--- START ---
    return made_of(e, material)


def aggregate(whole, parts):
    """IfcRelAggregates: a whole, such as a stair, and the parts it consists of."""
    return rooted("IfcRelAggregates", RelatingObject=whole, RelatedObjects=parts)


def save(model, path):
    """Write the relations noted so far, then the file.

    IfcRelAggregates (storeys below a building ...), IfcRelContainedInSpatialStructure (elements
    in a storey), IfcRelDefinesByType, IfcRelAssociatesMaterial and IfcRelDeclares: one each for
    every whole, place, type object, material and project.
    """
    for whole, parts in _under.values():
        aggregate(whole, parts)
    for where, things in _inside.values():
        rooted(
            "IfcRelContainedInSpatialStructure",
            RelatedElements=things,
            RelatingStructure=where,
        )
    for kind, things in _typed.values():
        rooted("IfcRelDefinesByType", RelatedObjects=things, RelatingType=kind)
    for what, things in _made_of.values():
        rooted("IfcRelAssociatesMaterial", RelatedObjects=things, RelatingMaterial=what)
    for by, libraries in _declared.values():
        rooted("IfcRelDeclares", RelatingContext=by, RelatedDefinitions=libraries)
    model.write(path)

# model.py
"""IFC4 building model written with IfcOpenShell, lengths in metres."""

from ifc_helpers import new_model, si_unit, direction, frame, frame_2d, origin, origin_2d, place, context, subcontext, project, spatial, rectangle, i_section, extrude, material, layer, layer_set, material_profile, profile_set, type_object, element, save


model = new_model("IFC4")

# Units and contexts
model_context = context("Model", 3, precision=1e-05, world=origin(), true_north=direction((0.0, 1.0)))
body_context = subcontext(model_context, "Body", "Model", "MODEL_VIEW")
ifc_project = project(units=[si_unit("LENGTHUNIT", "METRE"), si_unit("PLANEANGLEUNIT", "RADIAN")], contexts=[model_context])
--- END ---
--- START ---
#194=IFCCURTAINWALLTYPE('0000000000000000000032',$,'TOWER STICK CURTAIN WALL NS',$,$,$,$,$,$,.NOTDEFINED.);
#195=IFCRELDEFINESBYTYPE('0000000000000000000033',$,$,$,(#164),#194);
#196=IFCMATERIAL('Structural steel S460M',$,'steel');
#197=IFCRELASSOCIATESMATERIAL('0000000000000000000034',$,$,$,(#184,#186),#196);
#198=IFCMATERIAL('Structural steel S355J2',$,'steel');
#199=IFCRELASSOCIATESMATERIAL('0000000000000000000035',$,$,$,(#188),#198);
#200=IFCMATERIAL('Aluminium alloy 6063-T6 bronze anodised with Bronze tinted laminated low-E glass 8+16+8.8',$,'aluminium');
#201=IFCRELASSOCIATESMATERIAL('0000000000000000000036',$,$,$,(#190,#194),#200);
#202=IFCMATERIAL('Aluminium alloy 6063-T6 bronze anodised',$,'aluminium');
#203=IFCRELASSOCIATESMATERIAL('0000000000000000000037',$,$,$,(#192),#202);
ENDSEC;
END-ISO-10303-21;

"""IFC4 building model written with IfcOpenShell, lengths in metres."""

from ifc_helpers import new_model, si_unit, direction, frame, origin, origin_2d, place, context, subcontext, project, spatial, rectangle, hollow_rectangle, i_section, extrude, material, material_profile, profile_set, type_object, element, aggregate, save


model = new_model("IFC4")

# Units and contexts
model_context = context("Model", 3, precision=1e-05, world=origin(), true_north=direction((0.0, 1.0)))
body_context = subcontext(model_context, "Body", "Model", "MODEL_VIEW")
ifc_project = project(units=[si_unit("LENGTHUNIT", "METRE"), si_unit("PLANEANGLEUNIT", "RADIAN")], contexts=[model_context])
--- END ---
Exercise goal: How many lines in the data above contain the string "steel"? Reply with only the number.

Written answer: 2